- _ABOUT THIS TASK_
Lines of the listing below that contain the string "CompositionType" are to be returned.

- _RECORD EXCERPTS_
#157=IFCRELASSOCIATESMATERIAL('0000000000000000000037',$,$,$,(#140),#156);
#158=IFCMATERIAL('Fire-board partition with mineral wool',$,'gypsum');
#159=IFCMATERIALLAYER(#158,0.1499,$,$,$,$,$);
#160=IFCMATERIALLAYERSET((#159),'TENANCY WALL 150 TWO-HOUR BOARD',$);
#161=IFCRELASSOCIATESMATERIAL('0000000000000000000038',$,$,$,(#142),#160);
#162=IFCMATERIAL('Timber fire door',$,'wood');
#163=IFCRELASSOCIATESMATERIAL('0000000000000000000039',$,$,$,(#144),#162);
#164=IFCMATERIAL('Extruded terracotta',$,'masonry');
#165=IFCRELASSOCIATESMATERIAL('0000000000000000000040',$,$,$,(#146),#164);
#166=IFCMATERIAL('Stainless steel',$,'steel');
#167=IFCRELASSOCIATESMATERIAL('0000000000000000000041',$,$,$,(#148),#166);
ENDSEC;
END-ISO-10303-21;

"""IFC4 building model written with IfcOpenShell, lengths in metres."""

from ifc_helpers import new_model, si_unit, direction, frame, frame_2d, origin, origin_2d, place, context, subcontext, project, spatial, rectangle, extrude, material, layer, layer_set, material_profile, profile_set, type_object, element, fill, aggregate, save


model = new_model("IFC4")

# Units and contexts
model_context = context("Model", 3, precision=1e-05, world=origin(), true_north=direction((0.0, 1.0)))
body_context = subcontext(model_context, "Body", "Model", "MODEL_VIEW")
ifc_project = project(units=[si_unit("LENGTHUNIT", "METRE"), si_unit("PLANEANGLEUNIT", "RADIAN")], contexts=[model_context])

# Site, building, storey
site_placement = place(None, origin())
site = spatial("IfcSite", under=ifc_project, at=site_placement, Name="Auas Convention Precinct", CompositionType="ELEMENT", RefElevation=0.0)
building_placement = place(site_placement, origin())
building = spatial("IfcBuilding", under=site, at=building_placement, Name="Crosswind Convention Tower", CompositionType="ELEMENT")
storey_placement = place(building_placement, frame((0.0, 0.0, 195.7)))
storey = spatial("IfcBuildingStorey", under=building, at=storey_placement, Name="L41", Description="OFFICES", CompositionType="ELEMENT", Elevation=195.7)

- _OUTPUT FOR THIS EXERCISE_
site = spatial("IfcSite", under=ifc_project, at=site_placement, Name="Auas Convention Precinct", CompositionType="ELEMENT", RefElevation=0.0)
building = spatial("IfcBuilding", under=site, at=building_placement, Name="Crosswind Convention Tower", CompositionType="ELEMENT")
storey = spatial("IfcBuildingStorey", under=building, at=storey_placement, Name="L41", Description="OFFICES", CompositionType="ELEMENT", Elevation=195.7)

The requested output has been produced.